The data must be returned in full and exactly as given.
[Supplied records — start]
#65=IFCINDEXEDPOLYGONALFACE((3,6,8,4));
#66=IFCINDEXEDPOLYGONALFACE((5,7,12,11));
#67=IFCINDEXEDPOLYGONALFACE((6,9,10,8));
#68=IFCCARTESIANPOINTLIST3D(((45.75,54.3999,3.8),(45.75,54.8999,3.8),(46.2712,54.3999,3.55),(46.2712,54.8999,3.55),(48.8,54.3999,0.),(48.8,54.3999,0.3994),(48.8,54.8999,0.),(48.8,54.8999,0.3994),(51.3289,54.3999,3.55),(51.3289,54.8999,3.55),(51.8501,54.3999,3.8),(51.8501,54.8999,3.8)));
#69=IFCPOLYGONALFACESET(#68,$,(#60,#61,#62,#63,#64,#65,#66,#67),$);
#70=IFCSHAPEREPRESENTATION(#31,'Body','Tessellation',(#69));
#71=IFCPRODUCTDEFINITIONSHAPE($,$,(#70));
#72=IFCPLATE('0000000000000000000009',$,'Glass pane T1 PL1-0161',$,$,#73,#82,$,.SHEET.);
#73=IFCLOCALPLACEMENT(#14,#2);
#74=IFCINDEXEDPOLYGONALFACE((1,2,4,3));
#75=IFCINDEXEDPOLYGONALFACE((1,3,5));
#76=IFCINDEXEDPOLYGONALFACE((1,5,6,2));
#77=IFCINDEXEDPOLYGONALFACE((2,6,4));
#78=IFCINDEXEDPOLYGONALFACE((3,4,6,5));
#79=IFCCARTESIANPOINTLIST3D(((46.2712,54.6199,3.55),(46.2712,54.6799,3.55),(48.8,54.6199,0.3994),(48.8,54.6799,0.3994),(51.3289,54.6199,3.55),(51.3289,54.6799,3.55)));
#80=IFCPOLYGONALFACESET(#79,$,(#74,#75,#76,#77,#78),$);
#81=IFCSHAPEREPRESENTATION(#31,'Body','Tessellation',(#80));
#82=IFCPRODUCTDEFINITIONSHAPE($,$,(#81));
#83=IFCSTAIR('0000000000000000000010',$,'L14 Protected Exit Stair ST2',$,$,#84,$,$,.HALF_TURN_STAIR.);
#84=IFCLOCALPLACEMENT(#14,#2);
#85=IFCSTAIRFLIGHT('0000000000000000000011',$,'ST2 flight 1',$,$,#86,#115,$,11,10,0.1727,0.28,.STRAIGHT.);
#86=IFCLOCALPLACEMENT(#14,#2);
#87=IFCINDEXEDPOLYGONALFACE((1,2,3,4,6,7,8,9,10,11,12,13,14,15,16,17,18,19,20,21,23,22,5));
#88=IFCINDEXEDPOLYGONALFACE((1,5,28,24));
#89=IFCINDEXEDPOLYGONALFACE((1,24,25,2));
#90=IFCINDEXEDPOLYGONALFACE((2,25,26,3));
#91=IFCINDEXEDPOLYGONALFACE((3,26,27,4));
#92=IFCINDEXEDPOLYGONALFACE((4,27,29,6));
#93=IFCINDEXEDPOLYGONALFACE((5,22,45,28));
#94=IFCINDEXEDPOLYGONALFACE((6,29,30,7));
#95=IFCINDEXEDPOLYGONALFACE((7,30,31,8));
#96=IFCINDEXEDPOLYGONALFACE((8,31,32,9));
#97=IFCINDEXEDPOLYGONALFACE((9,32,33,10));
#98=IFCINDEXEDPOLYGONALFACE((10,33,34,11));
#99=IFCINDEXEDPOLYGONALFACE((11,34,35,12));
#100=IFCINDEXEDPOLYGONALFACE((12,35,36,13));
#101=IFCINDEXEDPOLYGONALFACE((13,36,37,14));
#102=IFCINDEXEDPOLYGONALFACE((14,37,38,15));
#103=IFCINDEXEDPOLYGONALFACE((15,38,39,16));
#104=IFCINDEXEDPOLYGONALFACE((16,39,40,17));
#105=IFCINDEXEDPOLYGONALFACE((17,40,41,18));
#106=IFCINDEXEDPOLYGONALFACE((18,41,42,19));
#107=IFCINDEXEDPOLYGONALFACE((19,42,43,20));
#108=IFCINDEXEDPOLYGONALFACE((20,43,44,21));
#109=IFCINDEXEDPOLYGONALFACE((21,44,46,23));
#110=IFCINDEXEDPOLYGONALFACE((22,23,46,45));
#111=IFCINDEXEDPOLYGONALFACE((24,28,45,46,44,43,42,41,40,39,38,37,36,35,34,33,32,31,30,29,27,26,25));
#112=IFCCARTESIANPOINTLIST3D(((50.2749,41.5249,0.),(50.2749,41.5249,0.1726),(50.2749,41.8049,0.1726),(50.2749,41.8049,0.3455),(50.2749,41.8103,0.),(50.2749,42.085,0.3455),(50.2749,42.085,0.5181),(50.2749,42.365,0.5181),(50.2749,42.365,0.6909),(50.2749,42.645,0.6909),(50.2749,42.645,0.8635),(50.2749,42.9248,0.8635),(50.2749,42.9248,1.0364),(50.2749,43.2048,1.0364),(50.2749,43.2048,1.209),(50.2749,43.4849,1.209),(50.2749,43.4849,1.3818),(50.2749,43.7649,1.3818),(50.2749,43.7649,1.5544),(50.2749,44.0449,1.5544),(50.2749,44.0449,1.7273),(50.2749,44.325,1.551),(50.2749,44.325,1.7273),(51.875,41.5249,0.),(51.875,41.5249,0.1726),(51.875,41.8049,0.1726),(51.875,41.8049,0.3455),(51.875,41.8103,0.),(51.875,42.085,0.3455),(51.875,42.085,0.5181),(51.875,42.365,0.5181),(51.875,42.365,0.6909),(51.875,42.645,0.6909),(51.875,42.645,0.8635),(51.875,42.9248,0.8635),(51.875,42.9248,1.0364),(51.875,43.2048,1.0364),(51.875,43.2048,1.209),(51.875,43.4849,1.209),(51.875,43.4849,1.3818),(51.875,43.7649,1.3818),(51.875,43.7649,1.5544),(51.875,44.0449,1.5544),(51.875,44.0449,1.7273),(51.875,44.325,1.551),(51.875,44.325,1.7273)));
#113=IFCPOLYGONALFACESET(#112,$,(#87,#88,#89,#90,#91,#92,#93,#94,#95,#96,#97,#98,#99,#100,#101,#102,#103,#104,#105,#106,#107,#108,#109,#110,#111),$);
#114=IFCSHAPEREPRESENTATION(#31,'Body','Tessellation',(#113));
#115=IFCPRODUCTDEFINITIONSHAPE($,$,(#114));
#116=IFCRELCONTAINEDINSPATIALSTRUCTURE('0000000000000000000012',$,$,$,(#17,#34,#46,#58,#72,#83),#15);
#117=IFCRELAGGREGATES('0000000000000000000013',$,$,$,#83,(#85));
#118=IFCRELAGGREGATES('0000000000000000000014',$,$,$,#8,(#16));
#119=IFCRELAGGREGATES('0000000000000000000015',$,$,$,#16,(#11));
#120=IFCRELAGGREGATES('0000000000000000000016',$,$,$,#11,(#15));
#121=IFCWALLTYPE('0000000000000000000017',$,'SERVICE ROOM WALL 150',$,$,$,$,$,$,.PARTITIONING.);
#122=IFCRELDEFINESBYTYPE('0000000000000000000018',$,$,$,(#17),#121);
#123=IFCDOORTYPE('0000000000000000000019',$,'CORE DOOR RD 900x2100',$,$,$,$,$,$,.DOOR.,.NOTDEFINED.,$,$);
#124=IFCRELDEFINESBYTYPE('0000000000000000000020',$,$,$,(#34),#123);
[Supplied records — finish]
Output of the task:
#65=IFCINDEXEDPOLYGONALFACE((3,6,8,4));
#66=IFCINDEXEDPOLYGONALFACE((5,7,12,11));
#67=IFCINDEXEDPOLYGONALFACE((6,9,10,8));
#68=IFCCARTESIANPOINTLIST3D(((45.75,54.3999,3.8),(45.75,54.8999,3.8),(46.2712,54.3999,3.55),(46.2712,54.8999,3.55),(48.8,54.3999,0.),(48.8,54.3999,0.3994),(48.8,54.8999,0.),(48.8,54.8999,0.3994),(51.3289,54.3999,3.55),(51.3289,54.8999,3.55),(51.8501,54.3999,3.8),(51.8501,54.8999,3.8)));
#69=IFCPOLYGONALFACESET(#68,$,(#60,#61,#62,#63,#64,#65,#66,#67),$);
#70=IFCSHAPEREPRESENTATION(#31,'Body','Tessellation',(#69));
#71=IFCPRODUCTDEFINITIONSHAPE($,$,(#70));
#72=IFCPLATE('0000000000000000000009',$,'Glass pane T1 PL1-0161',$,$,#73,#82,$,.SHEET.);
#73=IFCLOCALPLACEMENT(#14,#2);
#74=IFCINDEXEDPOLYGONALFACE((1,2,4,3));
#75=IFCINDEXEDPOLYGONALFACE((1,3,5));
#76=IFCINDEXEDPOLYGONALFACE((1,5,6,2));
#77=IFCINDEXEDPOLYGONALFACE((2,6,4));
#78=IFCINDEXEDPOLYGONALFACE((3,4,6,5));
#79=IFCCARTESIANPOINTLIST3D(((46.2712,54.6199,3.55),(46.2712,54.6799,3.55),(48.8,54.6199,0.3994),(48.8,54.6799,0.3994),(51.3289,54.6199,3.55),(51.3289,54.6799,3.55)));
#80=IFCPOLYGONALFACESET(#79,$,(#74,#75,#76,#77,#78),$);
#81=IFCSHAPEREPRESENTATION(#31,'Body','Tessellation',(#80));
#82=IFCPRODUCTDEFINITIONSHAPE($,$,(#81));
#83=IFCSTAIR('0000000000000000000010',$,'L14 Protected Exit Stair ST2',$,$,#84,$,$,.HALF_TURN_STAIR.);
#84=IFCLOCALPLACEMENT(#14,#2);
#85=IFCSTAIRFLIGHT('0000000000000000000011',$,'ST2 flight 1',$,$,#86,#115,$,11,10,0.1727,0.28,.STRAIGHT.);
#86=IFCLOCALPLACEMENT(#14,#2);
#87=IFCINDEXEDPOLYGONALFACE((1,2,3,4,6,7,8,9,10,11,12,13,14,15,16,17,18,19,20,21,23,22,5));
#88=IFCINDEXEDPOLYGONALFACE((1,5,28,24));
#89=IFCINDEXEDPOLYGONALFACE((1,24,25,2));
#90=IFCINDEXEDPOLYGONALFACE((2,25,26,3));
#91=IFCINDEXEDPOLYGONALFACE((3,26,27,4));
#92=IFCINDEXEDPOLYGONALFACE((4,27,29,6));
#93=IFCINDEXEDPOLYGONALFACE((5,22,45,28));
#94=IFCINDEXEDPOLYGONALFACE((6,29,30,7));
#95=IFCINDEXEDPOLYGONALFACE((7,30,31,8));
#96=IFCINDEXEDPOLYGONALFACE((8,31,32,9));
#97=IFCINDEXEDPOLYGONALFACE((9,32,33,10));
#98=IFCINDEXEDPOLYGONALFACE((10,33,34,11));
#99=IFCINDEXEDPOLYGONALFACE((11,34,35,12));
#100=IFCINDEXEDPOLYGONALFACE((12,35,36,13));
#101=IFCINDEXEDPOLYGONALFACE((13,36,37,14));
#102=IFCINDEXEDPOLYGONALFACE((14,37,38,15));
#103=IFCINDEXEDPOLYGONALFACE((15,38,39,16));
#104=IFCINDEXEDPOLYGONALFACE((16,39,40,17));
#105=IFCINDEXEDPOLYGONALFACE((17,40,41,18));
#106=IFCINDEXEDPOLYGONALFACE((18,41,42,19));
#107=IFCINDEXEDPOLYGONALFACE((19,42,43,20));
#108=IFCINDEXEDPOLYGONALFACE((20,43,44,21));
#109=IFCINDEXEDPOLYGONALFACE((21,44,46,23));
#110=IFCINDEXEDPOLYGONALFACE((22,23,46,45));
#111=IFCINDEXEDPOLYGONALFACE((24,28,45,46,44,43,42,41,40,39,38,37,36,35,34,33,32,31,30,29,27,26,25));
#112=IFCCARTESIANPOINTLIST3D(((50.2749,41.5249,0.),(50.2749,41.5249,0.1726),(50.2749,41.8049,0.1726),(50.2749,41.8049,0.3455),(50.2749,41.8103,0.),(50.2749,42.085,0.3455),(50.2749,42.085,0.5181),(50.2749,42.365,0.5181),(50.2749,42.365,0.6909),(50.2749,42.645,0.6909),(50.2749,42.645,0.8635),(50.2749,42.9248,0.8635),(50.2749,42.9248,1.0364),(50.2749,43.2048,1.0364),(50.2749,43.2048,1.209),(50.2749,43.4849,1.209),(50.2749,43.4849,1.3818),(50.2749,43.7649,1.3818),(50.2749,43.7649,1.5544),(50.2749,44.0449,1.5544),(50.2749,44.0449,1.7273),(50.2749,44.325,1.551),(50.2749,44.325,1.7273),(51.875,41.5249,0.),(51.875,41.5249,0.1726),(51.875,41.8049,0.1726),(51.875,41.8049,0.3455),(51.875,41.8103,0.),(51.875,42.085,0.3455),(51.875,42.085,0.5181),(51.875,42.365,0.5181),(51.875,42.365,0.6909),(51.875,42.645,0.6909),(51.875,42.645,0.8635),(51.875,42.9248,0.8635),(51.875,42.9248,1.0364),(51.875,43.2048,1.0364),(51.875,43.2048,1.209),(51.875,43.4849,1.209),(51.875,43.4849,1.3818),(51.875,43.7649,1.3818),(51.875,43.7649,1.5544),(51.875,44.0449,1.5544),(51.875,44.0449,1.7273),(51.875,44.325,1.551),(51.875,44.325,1.7273)));
#113=IFCPOLYGONALFACESET(#112,$,(#87,#88,#89,#90,#91,#92,#93,#94,#95,#96,#97,#98,#99,#100,#101,#102,#103,#104,#105,#106,#107,#108,#109,#110,#111),$);
#114=IFCSHAPEREPRESENTATION(#31,'Body','Tessellation',(#113));
#115=IFCPRODUCTDEFINITIONSHAPE($,$,(#114));
#116=IFCRELCONTAINEDINSPATIALSTRUCTURE('0000000000000000000012',$,$,$,(#17,#34,#46,#58,#72,#83),#15);
#117=IFCRELAGGREGATES('0000000000000000000013',$,$,$,#83,(#85));
#118=IFCRELAGGREGATES('0000000000000000000014',$,$,$,#8,(#16));
#119=IFCRELAGGREGATES('0000000000000000000015',$,$,$,#16,(#11));
#120=IFCRELAGGREGATES('0000000000000000000016',$,$,$,#11,(#15));
#121=IFCWALLTYPE('0000000000000000000017',$,'SERVICE ROOM WALL 150',$,$,$,$,$,$,.PARTITIONING.);
#122=IFCRELDEFINESBYTYPE('0000000000000000000018',$,$,$,(#17),#121);
#123=IFCDOORTYPE('0000000000000000000019',$,'CORE DOOR RD 900x2100',$,$,$,$,$,$,.DOOR.,.NOTDEFINED.,$,$);
#124=IFCRELDEFINESBYTYPE('0000000000000000000020',$,$,$,(#34),#123);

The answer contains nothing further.